Activity:
The entries below contain a stretch that opens with the line containing "Truss Diagonal CHS406x16',$,$,$,$,$,.BRACE.);" and closes with the line containing "#183=IFCMATERIAL('Steel S355',$,'steel');"; set down that stretch exactly, both ends included, and nothing else.

Data for review:

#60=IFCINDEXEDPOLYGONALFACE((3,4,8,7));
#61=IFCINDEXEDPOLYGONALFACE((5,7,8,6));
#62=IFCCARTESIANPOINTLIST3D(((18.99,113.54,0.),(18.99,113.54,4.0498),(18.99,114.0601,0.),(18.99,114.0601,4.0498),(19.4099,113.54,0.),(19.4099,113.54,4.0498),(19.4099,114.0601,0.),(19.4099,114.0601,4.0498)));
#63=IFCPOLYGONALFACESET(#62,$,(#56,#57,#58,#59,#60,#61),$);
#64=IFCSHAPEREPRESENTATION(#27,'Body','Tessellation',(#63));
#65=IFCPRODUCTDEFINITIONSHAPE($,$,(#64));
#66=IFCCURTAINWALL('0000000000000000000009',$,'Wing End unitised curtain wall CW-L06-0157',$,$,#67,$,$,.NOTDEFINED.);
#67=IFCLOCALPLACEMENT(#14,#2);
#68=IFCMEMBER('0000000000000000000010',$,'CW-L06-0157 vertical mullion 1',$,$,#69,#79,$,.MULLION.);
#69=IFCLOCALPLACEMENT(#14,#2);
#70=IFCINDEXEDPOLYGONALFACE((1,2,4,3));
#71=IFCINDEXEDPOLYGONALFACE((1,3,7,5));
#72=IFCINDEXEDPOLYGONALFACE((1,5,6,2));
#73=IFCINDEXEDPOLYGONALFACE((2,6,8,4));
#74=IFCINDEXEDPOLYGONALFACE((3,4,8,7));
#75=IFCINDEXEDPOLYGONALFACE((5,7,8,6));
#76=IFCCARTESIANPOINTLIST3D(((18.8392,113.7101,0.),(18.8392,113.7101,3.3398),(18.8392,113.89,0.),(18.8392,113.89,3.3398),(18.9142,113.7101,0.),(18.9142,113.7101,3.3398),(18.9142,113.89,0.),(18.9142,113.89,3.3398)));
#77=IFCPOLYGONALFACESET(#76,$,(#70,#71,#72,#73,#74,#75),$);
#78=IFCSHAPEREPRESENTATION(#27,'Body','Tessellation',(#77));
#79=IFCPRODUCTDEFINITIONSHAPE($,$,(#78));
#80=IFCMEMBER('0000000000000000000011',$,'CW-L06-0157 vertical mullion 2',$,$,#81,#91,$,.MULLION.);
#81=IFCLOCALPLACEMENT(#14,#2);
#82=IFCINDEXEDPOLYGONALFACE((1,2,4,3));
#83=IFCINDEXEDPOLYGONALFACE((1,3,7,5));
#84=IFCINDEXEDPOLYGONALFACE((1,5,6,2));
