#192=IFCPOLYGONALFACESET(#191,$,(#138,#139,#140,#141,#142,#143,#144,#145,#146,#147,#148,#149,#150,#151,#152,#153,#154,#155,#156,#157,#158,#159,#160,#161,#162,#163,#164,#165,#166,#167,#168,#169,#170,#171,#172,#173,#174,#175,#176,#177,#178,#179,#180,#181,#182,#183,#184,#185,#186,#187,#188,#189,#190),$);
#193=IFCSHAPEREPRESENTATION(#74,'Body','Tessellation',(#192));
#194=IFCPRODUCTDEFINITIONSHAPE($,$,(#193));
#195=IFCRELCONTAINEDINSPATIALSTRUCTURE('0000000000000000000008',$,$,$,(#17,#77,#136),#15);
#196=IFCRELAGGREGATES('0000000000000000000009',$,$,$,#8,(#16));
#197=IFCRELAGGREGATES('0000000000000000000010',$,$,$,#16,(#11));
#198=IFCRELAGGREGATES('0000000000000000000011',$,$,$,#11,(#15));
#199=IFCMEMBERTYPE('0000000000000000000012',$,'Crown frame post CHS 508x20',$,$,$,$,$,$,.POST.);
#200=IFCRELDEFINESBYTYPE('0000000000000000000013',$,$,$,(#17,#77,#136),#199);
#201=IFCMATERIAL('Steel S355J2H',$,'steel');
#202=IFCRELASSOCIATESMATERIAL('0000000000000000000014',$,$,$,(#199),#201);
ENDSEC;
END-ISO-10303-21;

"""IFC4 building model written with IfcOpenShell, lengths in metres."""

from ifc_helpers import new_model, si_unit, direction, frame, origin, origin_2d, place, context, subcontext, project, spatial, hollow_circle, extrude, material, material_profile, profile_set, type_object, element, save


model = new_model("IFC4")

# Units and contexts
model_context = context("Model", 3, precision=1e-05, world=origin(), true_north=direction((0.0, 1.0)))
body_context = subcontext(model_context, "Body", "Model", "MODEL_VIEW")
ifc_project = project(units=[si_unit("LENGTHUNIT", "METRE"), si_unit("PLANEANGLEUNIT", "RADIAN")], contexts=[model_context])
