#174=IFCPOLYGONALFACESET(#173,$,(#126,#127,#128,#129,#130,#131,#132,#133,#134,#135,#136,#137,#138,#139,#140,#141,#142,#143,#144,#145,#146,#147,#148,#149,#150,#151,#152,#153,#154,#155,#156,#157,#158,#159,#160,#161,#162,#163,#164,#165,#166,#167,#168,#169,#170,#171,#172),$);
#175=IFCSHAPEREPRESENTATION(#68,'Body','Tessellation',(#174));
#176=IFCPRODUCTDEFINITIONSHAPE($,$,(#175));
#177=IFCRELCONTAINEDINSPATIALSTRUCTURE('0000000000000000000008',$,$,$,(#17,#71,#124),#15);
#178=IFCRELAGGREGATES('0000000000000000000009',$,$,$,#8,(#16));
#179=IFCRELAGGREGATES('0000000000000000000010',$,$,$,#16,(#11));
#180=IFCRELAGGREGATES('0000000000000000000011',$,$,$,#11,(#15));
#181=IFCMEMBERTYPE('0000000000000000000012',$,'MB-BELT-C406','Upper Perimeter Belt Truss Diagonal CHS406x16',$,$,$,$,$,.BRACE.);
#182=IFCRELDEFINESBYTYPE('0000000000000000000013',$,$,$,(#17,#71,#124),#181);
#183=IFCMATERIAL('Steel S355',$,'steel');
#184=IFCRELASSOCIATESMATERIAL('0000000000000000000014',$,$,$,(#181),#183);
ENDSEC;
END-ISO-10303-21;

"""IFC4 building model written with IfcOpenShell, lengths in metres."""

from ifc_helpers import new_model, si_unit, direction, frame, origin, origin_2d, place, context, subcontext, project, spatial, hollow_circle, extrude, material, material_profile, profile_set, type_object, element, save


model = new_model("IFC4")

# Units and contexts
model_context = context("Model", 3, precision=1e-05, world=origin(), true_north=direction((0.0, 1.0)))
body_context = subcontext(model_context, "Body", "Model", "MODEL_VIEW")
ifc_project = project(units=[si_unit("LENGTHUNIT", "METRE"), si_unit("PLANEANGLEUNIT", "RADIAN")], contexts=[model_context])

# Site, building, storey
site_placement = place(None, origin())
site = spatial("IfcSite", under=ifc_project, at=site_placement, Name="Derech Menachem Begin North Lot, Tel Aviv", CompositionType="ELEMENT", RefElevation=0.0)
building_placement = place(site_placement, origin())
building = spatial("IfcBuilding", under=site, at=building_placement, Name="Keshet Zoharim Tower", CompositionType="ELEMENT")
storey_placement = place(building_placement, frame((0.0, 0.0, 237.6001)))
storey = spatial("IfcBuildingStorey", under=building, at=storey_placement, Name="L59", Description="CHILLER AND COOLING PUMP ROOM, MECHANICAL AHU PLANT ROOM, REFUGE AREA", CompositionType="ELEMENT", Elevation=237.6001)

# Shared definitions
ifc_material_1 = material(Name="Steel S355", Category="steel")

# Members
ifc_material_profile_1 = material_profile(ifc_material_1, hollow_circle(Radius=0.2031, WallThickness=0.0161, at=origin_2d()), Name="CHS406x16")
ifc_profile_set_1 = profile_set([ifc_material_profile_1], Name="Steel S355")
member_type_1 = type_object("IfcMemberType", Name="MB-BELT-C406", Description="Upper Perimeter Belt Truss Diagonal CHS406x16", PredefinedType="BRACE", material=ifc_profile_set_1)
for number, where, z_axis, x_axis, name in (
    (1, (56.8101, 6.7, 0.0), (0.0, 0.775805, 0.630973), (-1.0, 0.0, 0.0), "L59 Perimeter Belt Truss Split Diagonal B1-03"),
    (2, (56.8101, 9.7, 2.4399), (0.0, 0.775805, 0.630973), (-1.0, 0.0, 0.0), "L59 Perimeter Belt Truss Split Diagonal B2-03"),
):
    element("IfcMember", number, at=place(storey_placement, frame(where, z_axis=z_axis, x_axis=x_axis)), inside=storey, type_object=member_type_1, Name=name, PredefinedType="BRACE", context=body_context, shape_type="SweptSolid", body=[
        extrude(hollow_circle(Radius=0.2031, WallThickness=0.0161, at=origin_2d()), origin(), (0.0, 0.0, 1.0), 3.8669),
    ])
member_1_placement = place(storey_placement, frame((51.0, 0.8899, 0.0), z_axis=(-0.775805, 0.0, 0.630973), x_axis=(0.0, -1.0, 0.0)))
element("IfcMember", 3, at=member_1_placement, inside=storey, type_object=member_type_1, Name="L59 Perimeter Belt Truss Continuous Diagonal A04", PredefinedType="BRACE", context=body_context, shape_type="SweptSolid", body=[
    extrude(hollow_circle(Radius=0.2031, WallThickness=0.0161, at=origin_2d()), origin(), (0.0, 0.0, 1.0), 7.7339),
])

Solution:
#181=IFCMEMBERTYPE('0000000000000000000012',$,'MB-BELT-C406','Upper Perimeter Belt Truss Diagonal CHS406x16',$,$,$,$,$,.BRACE.);
#182=IFCRELDEFINESBYTYPE('0000000000000000000013',$,$,$,(#17,#71,#124),#181);
#183=IFCMATERIAL('Steel S355',$,'steel');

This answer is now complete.